• Stored data:

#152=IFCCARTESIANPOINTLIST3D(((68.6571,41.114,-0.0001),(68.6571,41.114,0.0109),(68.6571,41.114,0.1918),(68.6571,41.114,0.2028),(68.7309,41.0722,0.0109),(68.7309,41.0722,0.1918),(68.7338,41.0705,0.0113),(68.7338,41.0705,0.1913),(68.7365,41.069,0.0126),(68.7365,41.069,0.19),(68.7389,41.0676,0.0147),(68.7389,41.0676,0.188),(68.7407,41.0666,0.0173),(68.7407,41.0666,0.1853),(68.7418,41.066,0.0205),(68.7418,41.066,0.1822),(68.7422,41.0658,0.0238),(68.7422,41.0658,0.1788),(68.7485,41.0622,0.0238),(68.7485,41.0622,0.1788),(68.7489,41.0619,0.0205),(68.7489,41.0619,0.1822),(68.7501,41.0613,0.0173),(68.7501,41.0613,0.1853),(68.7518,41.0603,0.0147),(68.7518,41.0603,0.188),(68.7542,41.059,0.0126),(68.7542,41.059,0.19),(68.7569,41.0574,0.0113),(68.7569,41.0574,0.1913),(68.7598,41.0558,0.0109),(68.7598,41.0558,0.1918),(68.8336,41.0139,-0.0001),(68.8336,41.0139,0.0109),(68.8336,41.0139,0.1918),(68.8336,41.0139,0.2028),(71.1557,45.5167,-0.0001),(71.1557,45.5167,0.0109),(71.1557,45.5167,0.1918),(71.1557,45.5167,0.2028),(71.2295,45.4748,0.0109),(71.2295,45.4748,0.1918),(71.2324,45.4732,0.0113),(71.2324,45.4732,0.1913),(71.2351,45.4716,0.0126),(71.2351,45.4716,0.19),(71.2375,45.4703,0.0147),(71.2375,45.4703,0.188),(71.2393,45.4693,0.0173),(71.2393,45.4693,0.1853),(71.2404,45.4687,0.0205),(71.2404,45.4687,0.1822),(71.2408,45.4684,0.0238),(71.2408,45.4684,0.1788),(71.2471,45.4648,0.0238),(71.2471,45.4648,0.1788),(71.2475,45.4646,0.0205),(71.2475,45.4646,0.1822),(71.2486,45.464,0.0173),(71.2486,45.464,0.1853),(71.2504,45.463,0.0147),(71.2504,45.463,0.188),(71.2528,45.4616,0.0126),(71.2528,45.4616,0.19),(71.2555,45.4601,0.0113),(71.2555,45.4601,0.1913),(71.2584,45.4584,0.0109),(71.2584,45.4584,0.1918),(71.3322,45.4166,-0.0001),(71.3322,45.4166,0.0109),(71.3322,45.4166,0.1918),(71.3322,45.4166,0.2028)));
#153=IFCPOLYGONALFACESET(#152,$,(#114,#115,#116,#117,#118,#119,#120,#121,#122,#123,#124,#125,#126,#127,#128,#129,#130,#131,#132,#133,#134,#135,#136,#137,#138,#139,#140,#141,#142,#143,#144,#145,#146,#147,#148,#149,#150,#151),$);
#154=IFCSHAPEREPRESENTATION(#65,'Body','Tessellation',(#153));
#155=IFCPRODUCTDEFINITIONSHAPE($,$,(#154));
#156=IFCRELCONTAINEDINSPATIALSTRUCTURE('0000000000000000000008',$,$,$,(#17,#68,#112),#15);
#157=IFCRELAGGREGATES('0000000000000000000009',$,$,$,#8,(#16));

• What you have to do: Could each line above be retyped exactly?

• Answer for the task:
#152=IFCCARTESIANPOINTLIST3D(((68.6571,41.114,-0.0001),(68.6571,41.114,0.0109),(68.6571,41.114,0.1918),(68.6571,41.114,0.2028),(68.7309,41.0722,0.0109),(68.7309,41.0722,0.1918),(68.7338,41.0705,0.0113),(68.7338,41.0705,0.1913),(68.7365,41.069,0.0126),(68.7365,41.069,0.19),(68.7389,41.0676,0.0147),(68.7389,41.0676,0.188),(68.7407,41.0666,0.0173),(68.7407,41.0666,0.1853),(68.7418,41.066,0.0205),(68.7418,41.066,0.1822),(68.7422,41.0658,0.0238),(68.7422,41.0658,0.1788),(68.7485,41.0622,0.0238),(68.7485,41.0622,0.1788),(68.7489,41.0619,0.0205),(68.7489,41.0619,0.1822),(68.7501,41.0613,0.0173),(68.7501,41.0613,0.1853),(68.7518,41.0603,0.0147),(68.7518,41.0603,0.188),(68.7542,41.059,0.0126),(68.7542,41.059,0.19),(68.7569,41.0574,0.0113),(68.7569,41.0574,0.1913),(68.7598,41.0558,0.0109),(68.7598,41.0558,0.1918),(68.8336,41.0139,-0.0001),(68.8336,41.0139,0.0109),(68.8336,41.0139,0.1918),(68.8336,41.0139,0.2028),(71.1557,45.5167,-0.0001),(71.1557,45.5167,0.0109),(71.1557,45.5167,0.1918),(71.1557,45.5167,0.2028),(71.2295,45.4748,0.0109),(71.2295,45.4748,0.1918),(71.2324,45.4732,0.0113),(71.2324,45.4732,0.1913),(71.2351,45.4716,0.0126),(71.2351,45.4716,0.19),(71.2375,45.4703,0.0147),(71.2375,45.4703,0.188),(71.2393,45.4693,0.0173),(71.2393,45.4693,0.1853),(71.2404,45.4687,0.0205),(71.2404,45.4687,0.1822),(71.2408,45.4684,0.0238),(71.2408,45.4684,0.1788),(71.2471,45.4648,0.0238),(71.2471,45.4648,0.1788),(71.2475,45.4646,0.0205),(71.2475,45.4646,0.1822),(71.2486,45.464,0.0173),(71.2486,45.464,0.1853),(71.2504,45.463,0.0147),(71.2504,45.463,0.188),(71.2528,45.4616,0.0126),(71.2528,45.4616,0.19),(71.2555,45.4601,0.0113),(71.2555,45.4601,0.1913),(71.2584,45.4584,0.0109),(71.2584,45.4584,0.1918),(71.3322,45.4166,-0.0001),(71.3322,45.4166,0.0109),(71.3322,45.4166,0.1918),(71.3322,45.4166,0.2028)));
#153=IFCPOLYGONALFACESET(#152,$,(#114,#115,#116,#117,#118,#119,#120,#121,#122,#123,#124,#125,#126,#127,#128,#129,#130,#131,#132,#133,#134,#135,#136,#137,#138,#139,#140,#141,#142,#143,#144,#145,#146,#147,#148,#149,#150,#151),$);
#154=IFCSHAPEREPRESENTATION(#65,'Body','Tessellation',(#153));
#155=IFCPRODUCTDEFINITIONSHAPE($,$,(#154));
#156=IFCRELCONTAINEDINSPATIALSTRUCTURE('0000000000000000000008',$,$,$,(#17,#68,#112),#15);
#157=IFCRELAGGREGATES('0000000000000000000009',$,$,$,#8,(#16));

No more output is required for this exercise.